▶ **Description of the task**
Locate, in the data below, the line that contains "#143=IFCLOCALPLACEMENT(#12,#2);" and the line that contains "#149=IFCINDEXEDPOLYGONALFACE((5,7,8,6));"; reproduce exactly those two lines and every line between them, nothing more.

▶ **Provided data**
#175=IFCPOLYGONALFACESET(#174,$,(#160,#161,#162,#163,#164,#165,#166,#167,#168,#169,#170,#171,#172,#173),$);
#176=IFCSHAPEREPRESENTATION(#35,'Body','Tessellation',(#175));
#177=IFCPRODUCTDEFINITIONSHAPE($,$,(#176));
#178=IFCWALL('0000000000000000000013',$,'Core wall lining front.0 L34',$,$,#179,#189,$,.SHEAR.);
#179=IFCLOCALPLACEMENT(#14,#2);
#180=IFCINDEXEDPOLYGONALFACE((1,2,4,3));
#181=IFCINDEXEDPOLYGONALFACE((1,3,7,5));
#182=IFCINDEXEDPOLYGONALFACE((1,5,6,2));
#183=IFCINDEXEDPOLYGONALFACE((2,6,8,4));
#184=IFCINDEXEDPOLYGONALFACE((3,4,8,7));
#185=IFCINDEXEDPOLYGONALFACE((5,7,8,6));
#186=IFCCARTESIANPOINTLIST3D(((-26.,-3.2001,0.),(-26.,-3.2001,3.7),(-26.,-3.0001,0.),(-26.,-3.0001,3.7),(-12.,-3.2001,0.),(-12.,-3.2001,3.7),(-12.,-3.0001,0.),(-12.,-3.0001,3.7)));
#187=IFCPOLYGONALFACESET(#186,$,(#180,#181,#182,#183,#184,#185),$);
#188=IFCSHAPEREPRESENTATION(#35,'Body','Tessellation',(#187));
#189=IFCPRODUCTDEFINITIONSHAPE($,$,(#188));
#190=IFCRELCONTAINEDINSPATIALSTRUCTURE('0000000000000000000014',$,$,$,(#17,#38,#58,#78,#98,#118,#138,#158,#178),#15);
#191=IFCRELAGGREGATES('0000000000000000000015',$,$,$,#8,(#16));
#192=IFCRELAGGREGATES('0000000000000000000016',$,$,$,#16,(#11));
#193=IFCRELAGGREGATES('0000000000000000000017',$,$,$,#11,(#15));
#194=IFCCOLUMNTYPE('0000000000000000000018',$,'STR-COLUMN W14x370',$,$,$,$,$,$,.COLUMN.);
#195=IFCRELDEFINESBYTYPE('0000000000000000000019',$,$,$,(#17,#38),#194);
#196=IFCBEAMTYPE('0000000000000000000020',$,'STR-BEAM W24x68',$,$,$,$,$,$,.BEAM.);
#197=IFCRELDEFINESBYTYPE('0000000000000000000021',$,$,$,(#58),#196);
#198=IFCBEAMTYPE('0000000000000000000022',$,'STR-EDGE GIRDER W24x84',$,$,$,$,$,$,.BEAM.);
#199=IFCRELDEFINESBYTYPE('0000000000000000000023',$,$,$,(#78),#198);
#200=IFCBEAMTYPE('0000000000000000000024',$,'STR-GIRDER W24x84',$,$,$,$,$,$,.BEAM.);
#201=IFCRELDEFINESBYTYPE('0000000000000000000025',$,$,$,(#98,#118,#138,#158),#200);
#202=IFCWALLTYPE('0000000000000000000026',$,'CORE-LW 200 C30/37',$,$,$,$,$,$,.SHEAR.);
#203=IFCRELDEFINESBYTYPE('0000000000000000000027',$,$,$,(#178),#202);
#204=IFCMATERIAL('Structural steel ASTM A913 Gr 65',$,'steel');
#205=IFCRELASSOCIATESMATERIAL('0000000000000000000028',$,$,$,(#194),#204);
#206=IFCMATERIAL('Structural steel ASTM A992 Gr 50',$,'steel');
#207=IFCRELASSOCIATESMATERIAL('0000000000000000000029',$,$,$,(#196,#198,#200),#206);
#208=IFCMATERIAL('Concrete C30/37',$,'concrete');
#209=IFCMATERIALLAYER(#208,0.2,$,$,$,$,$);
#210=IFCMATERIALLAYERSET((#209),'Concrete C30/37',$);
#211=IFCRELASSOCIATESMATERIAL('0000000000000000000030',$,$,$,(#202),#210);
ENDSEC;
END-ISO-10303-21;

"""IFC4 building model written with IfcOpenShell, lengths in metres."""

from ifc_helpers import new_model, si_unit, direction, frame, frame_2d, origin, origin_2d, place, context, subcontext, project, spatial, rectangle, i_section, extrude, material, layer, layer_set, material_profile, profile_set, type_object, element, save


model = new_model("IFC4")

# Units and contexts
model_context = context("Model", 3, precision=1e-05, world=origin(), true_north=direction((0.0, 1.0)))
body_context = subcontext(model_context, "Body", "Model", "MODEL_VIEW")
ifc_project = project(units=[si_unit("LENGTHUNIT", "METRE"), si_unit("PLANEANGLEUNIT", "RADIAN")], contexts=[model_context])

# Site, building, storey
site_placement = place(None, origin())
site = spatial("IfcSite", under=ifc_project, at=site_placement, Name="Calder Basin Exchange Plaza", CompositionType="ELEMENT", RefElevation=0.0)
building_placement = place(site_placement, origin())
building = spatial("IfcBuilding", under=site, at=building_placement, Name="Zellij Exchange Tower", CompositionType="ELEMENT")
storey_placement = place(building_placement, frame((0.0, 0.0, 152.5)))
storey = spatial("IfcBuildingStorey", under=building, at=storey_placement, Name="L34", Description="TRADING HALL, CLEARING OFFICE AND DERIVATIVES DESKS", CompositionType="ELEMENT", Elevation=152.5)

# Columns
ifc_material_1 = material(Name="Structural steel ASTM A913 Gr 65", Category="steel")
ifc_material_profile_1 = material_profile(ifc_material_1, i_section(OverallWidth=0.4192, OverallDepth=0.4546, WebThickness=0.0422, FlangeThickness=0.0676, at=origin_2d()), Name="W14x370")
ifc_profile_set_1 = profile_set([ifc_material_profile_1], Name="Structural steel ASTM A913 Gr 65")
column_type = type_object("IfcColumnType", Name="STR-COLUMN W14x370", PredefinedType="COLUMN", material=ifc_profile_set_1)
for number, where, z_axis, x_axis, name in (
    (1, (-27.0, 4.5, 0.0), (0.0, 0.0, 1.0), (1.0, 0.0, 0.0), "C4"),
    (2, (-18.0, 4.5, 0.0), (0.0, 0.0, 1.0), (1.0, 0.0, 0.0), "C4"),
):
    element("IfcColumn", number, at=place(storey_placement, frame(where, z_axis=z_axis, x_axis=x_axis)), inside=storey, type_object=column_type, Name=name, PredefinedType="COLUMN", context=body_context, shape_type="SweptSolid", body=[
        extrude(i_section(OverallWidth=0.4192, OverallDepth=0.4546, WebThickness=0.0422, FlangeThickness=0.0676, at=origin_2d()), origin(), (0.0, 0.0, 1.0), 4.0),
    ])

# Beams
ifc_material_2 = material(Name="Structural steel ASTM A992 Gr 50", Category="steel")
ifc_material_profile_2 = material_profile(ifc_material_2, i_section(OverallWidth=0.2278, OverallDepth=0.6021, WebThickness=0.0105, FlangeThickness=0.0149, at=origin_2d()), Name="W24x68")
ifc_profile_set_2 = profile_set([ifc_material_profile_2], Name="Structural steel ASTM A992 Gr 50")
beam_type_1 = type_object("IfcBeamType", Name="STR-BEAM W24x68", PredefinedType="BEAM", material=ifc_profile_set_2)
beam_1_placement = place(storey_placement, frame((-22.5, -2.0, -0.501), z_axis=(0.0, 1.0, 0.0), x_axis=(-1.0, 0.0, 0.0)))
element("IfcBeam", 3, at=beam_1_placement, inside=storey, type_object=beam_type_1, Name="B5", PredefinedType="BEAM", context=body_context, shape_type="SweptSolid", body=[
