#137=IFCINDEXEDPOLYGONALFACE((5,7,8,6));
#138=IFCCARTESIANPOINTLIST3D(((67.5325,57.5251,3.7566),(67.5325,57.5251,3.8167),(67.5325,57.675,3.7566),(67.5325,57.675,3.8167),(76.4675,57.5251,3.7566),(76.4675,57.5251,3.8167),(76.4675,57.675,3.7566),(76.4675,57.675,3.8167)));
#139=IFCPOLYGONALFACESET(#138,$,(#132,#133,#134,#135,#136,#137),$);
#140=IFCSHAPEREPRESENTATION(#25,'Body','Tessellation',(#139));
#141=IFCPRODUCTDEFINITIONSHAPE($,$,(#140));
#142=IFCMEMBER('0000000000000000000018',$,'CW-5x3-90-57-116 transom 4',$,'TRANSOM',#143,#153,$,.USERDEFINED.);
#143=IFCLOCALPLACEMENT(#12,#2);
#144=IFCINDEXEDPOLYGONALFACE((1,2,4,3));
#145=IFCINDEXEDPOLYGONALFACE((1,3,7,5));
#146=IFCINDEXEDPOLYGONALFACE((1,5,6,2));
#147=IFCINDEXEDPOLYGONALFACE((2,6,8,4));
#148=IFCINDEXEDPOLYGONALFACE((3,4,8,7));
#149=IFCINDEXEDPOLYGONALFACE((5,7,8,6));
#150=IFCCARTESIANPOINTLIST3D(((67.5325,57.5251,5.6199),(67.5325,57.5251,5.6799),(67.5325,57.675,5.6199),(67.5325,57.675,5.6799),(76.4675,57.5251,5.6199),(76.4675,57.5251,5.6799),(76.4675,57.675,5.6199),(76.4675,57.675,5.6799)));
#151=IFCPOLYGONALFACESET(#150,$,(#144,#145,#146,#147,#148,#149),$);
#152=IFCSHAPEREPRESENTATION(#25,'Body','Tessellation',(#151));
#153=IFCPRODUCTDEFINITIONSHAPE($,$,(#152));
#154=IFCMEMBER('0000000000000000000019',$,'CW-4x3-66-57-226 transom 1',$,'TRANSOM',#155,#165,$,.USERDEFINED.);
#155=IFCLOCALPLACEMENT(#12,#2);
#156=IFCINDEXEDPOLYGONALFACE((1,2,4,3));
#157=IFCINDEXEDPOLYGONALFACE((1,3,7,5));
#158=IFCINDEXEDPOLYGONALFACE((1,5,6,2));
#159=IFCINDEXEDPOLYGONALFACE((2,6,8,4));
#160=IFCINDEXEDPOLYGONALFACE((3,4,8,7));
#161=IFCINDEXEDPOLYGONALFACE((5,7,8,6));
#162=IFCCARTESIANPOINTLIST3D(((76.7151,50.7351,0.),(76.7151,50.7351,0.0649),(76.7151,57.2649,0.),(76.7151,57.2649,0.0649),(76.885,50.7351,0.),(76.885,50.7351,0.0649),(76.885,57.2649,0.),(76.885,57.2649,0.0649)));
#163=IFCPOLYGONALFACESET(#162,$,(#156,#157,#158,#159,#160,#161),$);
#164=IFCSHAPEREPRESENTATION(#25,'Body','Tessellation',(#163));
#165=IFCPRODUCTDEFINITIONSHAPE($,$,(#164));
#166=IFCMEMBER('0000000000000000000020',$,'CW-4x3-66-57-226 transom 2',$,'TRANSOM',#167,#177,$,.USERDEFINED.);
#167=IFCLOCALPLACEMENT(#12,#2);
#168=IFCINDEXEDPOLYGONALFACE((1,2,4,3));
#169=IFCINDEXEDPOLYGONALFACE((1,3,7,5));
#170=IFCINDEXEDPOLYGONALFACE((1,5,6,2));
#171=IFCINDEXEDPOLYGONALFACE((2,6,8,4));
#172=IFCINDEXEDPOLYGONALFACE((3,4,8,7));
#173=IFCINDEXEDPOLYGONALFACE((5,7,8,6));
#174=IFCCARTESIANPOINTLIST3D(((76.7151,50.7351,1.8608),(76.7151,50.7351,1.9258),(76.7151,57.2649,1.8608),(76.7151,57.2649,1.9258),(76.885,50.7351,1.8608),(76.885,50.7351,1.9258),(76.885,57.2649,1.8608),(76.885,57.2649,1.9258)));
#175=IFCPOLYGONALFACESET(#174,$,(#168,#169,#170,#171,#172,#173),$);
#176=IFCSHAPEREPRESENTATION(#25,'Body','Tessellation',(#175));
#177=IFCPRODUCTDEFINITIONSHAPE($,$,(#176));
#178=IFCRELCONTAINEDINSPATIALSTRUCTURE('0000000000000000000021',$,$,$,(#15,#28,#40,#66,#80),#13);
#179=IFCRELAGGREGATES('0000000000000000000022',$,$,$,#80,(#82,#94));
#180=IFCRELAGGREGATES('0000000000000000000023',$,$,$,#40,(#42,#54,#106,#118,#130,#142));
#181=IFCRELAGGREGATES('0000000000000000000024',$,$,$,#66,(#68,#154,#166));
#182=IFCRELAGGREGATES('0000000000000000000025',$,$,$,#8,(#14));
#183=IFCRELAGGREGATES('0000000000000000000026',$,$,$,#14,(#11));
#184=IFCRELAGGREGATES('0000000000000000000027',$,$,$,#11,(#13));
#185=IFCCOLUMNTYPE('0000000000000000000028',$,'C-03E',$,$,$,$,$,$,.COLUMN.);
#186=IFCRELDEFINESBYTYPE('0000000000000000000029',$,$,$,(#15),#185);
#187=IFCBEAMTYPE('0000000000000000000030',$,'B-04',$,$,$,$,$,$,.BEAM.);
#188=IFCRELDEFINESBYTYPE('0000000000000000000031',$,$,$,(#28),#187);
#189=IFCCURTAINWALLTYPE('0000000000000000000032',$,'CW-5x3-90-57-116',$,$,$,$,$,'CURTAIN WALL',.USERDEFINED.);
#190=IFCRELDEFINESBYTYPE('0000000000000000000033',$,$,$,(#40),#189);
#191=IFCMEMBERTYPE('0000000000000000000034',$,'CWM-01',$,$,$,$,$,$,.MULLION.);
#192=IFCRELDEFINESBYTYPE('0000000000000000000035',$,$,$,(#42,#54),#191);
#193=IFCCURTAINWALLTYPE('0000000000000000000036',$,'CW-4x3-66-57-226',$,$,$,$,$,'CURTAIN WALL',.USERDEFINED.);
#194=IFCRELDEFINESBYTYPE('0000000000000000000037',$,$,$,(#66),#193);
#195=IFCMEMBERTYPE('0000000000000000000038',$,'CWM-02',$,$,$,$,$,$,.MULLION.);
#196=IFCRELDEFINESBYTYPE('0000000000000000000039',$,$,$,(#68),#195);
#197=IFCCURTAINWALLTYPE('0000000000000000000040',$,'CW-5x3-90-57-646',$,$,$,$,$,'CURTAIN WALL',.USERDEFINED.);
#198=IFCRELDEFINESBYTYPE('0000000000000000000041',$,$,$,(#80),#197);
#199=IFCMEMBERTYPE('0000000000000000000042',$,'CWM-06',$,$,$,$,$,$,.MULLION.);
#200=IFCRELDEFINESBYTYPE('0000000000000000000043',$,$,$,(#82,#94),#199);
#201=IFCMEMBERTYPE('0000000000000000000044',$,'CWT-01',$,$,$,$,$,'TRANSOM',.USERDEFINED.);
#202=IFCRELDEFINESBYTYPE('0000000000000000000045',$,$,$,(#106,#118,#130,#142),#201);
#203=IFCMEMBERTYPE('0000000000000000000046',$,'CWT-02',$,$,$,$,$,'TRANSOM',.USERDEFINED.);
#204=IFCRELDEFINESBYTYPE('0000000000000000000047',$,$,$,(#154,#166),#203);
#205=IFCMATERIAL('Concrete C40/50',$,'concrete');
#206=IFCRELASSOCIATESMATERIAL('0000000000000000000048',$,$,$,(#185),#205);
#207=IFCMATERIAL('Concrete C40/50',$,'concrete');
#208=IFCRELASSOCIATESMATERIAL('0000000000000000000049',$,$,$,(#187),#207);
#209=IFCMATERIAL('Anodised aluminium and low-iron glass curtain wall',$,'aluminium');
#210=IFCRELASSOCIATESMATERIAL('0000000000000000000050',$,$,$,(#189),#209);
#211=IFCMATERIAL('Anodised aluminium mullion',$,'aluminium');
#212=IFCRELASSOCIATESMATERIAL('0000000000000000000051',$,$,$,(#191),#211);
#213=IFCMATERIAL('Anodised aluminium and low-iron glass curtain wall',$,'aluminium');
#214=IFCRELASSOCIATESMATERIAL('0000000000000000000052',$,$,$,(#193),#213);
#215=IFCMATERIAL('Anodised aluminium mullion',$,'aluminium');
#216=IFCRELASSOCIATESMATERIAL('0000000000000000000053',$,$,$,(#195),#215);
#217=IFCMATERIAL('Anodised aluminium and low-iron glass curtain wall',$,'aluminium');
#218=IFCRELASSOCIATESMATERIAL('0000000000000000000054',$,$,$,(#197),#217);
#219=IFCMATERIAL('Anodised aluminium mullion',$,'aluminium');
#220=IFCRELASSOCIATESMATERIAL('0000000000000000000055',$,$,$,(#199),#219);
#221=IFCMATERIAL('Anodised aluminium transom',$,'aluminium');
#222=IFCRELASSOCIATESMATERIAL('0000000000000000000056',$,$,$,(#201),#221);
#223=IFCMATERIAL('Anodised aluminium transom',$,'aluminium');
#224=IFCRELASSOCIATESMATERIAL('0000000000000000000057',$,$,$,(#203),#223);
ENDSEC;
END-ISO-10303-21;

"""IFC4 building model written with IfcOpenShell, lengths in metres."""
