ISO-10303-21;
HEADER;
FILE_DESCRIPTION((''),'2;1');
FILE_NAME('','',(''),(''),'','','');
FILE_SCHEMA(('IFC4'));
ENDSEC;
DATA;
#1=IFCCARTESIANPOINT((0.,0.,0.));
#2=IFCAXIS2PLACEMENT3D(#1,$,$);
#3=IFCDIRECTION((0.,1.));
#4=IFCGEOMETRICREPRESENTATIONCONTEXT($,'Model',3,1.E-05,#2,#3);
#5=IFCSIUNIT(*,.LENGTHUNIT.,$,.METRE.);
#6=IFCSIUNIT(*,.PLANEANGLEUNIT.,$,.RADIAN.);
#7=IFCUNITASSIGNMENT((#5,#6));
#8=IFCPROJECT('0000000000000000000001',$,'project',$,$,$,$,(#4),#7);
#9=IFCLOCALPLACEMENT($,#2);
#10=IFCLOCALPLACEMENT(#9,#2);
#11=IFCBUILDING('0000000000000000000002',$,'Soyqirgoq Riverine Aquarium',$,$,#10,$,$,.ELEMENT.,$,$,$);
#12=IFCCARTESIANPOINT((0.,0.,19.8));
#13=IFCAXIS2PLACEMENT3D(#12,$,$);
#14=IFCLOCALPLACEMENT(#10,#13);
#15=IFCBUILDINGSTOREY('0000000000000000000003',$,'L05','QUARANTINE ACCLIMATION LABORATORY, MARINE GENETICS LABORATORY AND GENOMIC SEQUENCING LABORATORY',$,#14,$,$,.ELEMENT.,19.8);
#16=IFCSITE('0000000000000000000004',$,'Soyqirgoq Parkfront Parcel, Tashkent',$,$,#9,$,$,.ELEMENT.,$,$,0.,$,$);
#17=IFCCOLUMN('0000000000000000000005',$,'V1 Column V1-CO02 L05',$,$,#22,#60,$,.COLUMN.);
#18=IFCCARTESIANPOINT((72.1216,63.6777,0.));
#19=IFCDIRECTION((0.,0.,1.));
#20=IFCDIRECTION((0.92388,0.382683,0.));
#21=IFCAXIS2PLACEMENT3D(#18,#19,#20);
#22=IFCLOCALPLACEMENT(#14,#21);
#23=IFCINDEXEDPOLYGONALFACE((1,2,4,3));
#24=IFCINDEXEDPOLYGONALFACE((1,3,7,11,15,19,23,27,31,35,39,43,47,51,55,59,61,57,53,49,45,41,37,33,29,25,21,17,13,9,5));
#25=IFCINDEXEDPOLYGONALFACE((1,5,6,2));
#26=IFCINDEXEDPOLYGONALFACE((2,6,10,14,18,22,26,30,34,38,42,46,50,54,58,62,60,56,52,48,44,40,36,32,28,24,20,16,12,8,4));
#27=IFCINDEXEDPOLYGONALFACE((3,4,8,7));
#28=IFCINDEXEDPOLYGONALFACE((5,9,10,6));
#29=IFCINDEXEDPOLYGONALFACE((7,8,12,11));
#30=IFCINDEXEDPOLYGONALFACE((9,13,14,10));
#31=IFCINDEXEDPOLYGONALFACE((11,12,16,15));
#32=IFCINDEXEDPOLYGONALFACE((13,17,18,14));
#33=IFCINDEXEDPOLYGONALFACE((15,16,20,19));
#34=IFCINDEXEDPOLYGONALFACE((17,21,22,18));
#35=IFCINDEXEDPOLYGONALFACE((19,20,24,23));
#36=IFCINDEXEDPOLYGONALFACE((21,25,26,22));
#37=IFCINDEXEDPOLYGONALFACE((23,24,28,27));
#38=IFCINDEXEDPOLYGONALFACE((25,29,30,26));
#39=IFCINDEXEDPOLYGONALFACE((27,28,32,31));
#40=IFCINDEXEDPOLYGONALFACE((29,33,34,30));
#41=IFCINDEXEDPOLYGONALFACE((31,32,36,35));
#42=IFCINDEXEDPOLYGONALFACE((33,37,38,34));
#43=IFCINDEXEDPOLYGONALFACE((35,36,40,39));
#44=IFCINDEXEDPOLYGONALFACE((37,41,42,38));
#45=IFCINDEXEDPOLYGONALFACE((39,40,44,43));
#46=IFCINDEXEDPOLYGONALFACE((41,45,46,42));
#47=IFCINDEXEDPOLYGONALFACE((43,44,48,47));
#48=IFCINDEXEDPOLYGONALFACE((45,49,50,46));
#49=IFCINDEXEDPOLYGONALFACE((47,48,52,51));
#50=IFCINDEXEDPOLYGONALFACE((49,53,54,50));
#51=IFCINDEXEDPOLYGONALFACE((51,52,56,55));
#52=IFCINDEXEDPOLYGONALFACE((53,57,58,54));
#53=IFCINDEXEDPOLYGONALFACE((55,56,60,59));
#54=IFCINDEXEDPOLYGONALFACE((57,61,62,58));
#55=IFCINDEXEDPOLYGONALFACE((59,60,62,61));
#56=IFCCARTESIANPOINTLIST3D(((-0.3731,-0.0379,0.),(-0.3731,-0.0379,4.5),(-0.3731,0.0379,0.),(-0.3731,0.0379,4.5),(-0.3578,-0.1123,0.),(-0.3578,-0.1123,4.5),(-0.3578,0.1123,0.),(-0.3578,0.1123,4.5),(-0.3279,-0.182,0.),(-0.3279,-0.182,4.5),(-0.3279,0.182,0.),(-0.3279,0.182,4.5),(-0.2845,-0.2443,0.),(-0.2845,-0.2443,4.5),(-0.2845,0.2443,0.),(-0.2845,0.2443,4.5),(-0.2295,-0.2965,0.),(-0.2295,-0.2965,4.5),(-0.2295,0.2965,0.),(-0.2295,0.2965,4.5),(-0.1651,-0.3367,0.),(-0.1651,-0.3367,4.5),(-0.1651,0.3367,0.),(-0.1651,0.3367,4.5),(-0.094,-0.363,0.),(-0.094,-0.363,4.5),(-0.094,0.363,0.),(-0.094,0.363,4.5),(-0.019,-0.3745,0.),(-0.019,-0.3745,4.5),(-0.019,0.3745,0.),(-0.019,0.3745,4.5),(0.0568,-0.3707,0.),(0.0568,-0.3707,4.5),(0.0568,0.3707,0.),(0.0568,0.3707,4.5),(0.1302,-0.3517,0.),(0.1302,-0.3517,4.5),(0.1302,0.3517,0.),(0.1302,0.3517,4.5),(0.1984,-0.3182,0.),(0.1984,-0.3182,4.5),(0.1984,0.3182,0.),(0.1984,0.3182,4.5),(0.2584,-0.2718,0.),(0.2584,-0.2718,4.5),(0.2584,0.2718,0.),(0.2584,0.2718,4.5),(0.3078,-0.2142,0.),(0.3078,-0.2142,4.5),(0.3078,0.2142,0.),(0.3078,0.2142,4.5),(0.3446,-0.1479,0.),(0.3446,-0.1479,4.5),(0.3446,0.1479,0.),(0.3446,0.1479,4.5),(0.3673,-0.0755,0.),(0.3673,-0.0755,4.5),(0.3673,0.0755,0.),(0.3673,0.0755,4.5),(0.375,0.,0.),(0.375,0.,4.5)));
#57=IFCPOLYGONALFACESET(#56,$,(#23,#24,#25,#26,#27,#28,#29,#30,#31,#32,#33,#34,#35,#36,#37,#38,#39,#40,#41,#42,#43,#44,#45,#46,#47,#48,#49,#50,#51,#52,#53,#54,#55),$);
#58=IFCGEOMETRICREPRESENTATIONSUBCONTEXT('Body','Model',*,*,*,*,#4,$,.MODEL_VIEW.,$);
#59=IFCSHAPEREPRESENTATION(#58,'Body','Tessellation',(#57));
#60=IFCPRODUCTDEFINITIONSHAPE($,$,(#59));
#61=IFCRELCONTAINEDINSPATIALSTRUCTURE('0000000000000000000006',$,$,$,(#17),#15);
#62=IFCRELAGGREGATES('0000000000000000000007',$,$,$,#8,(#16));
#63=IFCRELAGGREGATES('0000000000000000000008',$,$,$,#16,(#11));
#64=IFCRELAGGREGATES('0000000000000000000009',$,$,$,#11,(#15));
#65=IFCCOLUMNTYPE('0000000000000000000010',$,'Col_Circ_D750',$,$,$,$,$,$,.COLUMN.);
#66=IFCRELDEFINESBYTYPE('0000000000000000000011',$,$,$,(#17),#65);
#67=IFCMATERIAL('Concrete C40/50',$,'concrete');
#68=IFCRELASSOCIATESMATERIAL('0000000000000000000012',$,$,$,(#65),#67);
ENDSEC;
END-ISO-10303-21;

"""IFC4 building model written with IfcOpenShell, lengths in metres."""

from ifc_helpers import new_model, si_unit, direction, frame, origin, origin_2d, place, context, subcontext, project, spatial, circle, extrude, material, material_profile, profile_set, type_object, element, save


model = new_model("IFC4")

# Units and contexts
model_context = context("Model", 3, precision=1e-05, world=origin(), true_north=direction((0.0, 1.0)))
body_context = subcontext(model_context, "Body", "Model", "MODEL_VIEW")
ifc_project = project(units=[si_unit("LENGTHUNIT", "METRE"), si_unit("PLANEANGLEUNIT", "RADIAN")], contexts=[model_context])

# Site, building, storey
site_placement = place(None, origin())
site = spatial("IfcSite", under=ifc_project, at=site_placement, Name="Soyqirgoq Parkfront Parcel, Tashkent", CompositionType="ELEMENT", RefElevation=0.0)
building_placement = place(site_placement, origin())
building = spatial("IfcBuilding", under=site, at=building_placement, Name="Soyqirgoq Riverine Aquarium", CompositionType="ELEMENT")
storey_placement = place(building_placement, frame((0.0, 0.0, 19.8)))
storey = spatial("IfcBuildingStorey", under=building, at=storey_placement, Name="L05", Description="QUARANTINE ACCLIMATION LABORATORY, MARINE GENETICS LABORATORY AND GENOMIC SEQUENCING LABORATORY", CompositionType="ELEMENT", Elevation=19.8)

# Column
ifc_material_1 = material(Name="Concrete C40/50", Category="concrete")
ifc_material_profile_1 = material_profile(ifc_material_1, circle(Radius=0.375, at=origin_2d()), Name="RC-COL D750")
ifc_profile_set_1 = profile_set([ifc_material_profile_1], Name="Concrete C40/50")
column_type_1 = type_object("IfcColumnType", Name="Col_Circ_D750", PredefinedType="COLUMN", material=ifc_profile_set_1)
column_1_placement = place(storey_placement, frame((72.1216, 63.6777, 0.0), z_axis=(0.0, 0.0, 1.0), x_axis=(0.92388, 0.382683, 0.0)))
element("IfcColumn", 1, at=column_1_placement, inside=storey, type_object=column_type_1, Name="V1 Column V1-CO02 L05", PredefinedType="COLUMN", context=body_context, shape_type="SweptSolid", body=[
    extrude(circle(Radius=0.375, at=origin_2d()), origin(), (0.0, 0.0, 1.0), 4.5),
])

save(model, "model.ifc")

▶ **Expected answer**
#143=IFCLOCALPLACEMENT(#12,#2);
#144=IFCINDEXEDPOLYGONALFACE((1,2,4,3));
#145=IFCINDEXEDPOLYGONALFACE((1,3,7,5));
#146=IFCINDEXEDPOLYGONALFACE((1,5,6,2));
#147=IFCINDEXEDPOLYGONALFACE((2,6,8,4));
#148=IFCINDEXEDPOLYGONALFACE((3,4,8,7));
#149=IFCINDEXEDPOLYGONALFACE((5,7,8,6));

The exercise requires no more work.